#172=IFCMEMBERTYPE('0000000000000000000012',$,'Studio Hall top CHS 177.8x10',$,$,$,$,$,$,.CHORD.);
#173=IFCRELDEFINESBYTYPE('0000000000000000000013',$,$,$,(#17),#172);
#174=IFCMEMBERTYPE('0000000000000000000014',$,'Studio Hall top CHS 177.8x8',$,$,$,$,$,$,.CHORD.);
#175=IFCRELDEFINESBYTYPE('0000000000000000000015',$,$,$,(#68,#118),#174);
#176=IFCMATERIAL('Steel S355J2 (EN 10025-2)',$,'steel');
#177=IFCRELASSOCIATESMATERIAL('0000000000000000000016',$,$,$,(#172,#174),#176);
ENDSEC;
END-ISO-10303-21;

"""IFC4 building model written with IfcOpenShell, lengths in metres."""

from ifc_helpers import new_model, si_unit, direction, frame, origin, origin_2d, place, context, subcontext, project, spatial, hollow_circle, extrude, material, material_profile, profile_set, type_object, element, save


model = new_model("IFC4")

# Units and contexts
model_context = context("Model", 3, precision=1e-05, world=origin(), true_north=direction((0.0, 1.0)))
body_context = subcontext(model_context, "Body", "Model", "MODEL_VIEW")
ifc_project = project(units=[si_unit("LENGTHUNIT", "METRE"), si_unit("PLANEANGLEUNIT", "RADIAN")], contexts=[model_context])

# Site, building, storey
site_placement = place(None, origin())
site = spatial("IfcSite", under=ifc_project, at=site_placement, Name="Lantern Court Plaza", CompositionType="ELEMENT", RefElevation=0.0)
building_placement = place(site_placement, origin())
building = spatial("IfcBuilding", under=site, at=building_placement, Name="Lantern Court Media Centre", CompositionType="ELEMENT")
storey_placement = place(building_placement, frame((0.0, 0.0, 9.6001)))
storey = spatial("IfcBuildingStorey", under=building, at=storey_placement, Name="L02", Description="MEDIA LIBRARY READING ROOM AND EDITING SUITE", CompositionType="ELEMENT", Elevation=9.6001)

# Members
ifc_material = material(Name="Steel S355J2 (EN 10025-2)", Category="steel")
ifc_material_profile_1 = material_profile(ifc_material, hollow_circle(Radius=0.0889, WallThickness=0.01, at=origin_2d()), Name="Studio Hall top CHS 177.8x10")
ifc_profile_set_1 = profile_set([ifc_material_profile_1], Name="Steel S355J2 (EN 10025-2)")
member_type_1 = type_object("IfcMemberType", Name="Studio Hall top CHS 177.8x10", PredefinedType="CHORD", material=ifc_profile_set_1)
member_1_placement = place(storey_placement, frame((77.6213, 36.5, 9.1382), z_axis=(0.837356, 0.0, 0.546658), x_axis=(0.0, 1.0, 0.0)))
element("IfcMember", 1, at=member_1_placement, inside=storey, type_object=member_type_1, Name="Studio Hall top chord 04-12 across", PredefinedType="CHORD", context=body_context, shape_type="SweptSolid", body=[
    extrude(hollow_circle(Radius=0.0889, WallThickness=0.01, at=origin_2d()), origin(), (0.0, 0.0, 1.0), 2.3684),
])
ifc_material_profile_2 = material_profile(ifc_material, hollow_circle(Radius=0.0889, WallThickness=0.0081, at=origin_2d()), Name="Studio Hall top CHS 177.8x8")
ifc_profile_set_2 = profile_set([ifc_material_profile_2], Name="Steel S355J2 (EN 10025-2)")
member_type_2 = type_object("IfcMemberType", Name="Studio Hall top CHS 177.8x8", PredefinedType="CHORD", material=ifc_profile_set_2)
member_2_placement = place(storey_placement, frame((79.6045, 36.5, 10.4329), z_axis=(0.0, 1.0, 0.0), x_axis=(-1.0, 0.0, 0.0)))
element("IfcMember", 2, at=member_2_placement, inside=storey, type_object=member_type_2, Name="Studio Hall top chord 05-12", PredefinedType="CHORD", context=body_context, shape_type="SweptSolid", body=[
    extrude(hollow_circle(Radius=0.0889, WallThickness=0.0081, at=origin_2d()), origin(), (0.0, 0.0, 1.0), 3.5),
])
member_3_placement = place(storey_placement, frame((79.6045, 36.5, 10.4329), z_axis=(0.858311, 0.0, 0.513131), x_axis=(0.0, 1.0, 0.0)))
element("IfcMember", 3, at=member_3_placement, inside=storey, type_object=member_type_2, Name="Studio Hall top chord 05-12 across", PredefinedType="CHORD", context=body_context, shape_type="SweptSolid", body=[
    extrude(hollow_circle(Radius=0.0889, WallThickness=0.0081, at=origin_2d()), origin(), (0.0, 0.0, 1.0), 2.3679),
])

▶ REQUIRED ACTION:
Say how many lines in the entries contain the string "Steel", and leave out everything else.

▶ SOLVED PROBLEM:
4